EXTRACTED MATERIAL ->
[Start of section]
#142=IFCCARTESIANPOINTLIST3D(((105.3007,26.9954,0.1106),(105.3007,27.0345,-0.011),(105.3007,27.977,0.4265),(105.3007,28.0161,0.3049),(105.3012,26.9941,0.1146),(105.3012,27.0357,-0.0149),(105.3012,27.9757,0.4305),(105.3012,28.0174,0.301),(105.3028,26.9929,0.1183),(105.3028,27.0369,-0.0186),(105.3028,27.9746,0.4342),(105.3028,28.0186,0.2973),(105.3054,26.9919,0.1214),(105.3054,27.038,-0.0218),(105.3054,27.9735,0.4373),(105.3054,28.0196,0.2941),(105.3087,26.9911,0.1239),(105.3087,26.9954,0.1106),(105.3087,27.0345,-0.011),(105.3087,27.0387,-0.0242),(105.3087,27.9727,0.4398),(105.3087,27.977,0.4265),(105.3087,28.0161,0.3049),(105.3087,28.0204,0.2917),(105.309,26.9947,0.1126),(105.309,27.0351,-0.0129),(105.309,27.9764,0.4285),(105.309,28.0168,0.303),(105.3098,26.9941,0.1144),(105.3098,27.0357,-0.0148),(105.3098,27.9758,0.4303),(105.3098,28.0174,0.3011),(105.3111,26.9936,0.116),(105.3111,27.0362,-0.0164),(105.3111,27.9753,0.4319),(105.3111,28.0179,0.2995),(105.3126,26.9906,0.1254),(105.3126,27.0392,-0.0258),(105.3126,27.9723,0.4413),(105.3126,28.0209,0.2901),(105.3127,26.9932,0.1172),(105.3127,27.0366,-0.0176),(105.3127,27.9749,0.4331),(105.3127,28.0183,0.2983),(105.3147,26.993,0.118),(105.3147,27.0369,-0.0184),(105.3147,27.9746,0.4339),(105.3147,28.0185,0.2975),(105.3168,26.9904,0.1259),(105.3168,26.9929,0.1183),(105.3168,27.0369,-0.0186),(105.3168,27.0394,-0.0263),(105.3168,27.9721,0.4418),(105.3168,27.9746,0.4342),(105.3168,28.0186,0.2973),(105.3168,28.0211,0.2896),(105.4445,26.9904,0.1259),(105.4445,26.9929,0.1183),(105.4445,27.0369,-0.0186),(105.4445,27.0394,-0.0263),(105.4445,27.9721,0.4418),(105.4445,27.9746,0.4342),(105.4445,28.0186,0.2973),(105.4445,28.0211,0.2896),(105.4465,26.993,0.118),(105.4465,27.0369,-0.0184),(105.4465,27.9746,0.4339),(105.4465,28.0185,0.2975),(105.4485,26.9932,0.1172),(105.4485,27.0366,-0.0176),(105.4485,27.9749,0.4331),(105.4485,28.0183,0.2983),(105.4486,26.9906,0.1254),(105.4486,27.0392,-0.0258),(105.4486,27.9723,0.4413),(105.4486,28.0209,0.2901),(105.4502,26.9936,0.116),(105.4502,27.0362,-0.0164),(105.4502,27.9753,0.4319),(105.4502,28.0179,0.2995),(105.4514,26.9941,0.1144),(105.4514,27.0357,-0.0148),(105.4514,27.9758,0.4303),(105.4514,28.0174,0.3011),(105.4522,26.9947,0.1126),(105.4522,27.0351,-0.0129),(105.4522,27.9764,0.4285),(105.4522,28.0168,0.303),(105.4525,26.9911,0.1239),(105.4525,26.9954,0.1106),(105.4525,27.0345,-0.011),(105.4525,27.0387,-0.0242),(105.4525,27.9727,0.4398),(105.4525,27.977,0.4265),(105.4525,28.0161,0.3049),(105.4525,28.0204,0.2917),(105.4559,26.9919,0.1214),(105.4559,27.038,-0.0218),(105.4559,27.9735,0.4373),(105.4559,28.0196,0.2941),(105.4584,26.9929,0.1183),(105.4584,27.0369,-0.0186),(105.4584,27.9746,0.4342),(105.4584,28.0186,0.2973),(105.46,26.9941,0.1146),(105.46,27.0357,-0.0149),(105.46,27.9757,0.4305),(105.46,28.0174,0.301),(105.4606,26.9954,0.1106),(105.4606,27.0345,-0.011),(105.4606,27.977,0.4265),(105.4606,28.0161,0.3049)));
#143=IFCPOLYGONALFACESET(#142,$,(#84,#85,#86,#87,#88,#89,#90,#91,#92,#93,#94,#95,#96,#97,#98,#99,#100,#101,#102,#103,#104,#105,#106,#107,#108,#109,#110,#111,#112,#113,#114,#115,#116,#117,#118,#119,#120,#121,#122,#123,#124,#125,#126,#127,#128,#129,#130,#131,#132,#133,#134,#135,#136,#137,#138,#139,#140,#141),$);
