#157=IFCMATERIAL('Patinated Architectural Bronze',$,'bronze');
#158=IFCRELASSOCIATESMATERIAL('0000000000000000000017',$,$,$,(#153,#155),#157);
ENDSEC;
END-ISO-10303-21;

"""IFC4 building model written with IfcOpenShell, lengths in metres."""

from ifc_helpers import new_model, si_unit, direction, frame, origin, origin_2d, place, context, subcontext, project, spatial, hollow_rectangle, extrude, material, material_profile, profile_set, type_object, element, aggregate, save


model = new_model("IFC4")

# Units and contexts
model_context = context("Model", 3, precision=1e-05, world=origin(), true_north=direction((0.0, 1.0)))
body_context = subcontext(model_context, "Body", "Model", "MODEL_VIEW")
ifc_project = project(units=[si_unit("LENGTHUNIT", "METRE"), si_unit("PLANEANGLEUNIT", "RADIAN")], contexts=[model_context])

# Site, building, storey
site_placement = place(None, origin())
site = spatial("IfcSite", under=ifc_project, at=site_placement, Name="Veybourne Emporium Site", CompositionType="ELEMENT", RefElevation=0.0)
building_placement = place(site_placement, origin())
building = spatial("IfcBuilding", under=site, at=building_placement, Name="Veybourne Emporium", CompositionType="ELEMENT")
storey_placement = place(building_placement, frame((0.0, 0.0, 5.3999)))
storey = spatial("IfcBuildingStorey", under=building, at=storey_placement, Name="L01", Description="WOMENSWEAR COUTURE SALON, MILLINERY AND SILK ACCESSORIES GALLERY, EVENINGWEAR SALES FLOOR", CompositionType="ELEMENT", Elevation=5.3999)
[End of section]
[Start of section]
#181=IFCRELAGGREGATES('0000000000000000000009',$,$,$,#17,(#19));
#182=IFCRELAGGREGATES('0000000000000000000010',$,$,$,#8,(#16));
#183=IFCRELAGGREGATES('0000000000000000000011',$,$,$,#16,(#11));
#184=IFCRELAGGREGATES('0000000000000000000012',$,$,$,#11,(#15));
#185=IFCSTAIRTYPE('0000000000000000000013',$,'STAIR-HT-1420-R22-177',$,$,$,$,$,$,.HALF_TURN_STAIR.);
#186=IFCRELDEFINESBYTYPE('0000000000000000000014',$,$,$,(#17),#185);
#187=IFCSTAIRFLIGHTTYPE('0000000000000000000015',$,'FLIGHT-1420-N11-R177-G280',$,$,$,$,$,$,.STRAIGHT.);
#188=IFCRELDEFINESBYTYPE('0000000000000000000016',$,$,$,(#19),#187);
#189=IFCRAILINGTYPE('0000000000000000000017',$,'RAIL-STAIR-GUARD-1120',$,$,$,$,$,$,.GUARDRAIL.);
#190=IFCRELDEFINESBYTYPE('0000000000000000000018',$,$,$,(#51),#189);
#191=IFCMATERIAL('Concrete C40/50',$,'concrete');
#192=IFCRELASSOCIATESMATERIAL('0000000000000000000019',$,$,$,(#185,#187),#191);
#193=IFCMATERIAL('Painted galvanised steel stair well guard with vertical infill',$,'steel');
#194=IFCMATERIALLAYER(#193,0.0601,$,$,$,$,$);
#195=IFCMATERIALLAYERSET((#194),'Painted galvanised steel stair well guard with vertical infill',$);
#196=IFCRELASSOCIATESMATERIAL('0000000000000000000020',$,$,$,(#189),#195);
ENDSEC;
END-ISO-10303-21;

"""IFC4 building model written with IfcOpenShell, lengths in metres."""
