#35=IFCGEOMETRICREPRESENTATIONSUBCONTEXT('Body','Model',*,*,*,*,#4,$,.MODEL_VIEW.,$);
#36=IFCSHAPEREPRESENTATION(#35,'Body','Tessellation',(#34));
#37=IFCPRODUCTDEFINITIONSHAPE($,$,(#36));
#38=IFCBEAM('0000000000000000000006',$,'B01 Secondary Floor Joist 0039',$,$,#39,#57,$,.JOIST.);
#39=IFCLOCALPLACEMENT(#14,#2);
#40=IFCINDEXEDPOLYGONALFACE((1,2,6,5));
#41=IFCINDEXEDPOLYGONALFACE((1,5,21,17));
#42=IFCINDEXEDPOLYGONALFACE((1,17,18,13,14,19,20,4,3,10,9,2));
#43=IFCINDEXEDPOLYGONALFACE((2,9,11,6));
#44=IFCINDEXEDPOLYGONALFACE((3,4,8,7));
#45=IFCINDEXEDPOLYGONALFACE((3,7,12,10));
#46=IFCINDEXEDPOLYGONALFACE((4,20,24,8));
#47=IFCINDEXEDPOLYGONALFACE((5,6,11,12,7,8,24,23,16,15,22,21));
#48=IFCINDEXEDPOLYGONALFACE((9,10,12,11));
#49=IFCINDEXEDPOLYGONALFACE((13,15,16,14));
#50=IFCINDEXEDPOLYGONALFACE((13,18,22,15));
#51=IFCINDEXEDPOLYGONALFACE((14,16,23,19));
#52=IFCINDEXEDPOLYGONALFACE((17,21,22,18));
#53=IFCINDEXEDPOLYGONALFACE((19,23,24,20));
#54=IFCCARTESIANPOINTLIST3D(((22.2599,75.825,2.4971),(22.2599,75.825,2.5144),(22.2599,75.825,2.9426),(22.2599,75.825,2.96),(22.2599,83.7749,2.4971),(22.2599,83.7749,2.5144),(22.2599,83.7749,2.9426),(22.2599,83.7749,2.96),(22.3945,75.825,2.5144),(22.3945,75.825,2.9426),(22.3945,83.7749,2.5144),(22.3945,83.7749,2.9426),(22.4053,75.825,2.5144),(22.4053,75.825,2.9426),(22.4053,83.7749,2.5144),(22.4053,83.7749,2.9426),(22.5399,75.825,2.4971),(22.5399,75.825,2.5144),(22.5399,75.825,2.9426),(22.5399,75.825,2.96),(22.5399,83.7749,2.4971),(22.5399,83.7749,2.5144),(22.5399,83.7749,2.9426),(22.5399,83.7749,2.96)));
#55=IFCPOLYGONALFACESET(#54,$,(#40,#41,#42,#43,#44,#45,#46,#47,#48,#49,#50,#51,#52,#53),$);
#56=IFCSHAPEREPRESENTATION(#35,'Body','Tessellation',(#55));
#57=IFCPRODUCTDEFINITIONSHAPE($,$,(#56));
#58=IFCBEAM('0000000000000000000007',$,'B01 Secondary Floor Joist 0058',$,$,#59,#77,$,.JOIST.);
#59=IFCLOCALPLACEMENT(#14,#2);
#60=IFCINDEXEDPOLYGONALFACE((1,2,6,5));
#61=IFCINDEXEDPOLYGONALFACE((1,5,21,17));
[End of section]
TASK DESCRIPTION ->
Search the entries above for "IFCLOCALPLACEMENT". Show every line that has it.

OUTPUT OF THE TASK ->
#39=IFCLOCALPLACEMENT(#14,#2);
#59=IFCLOCALPLACEMENT(#14,#2);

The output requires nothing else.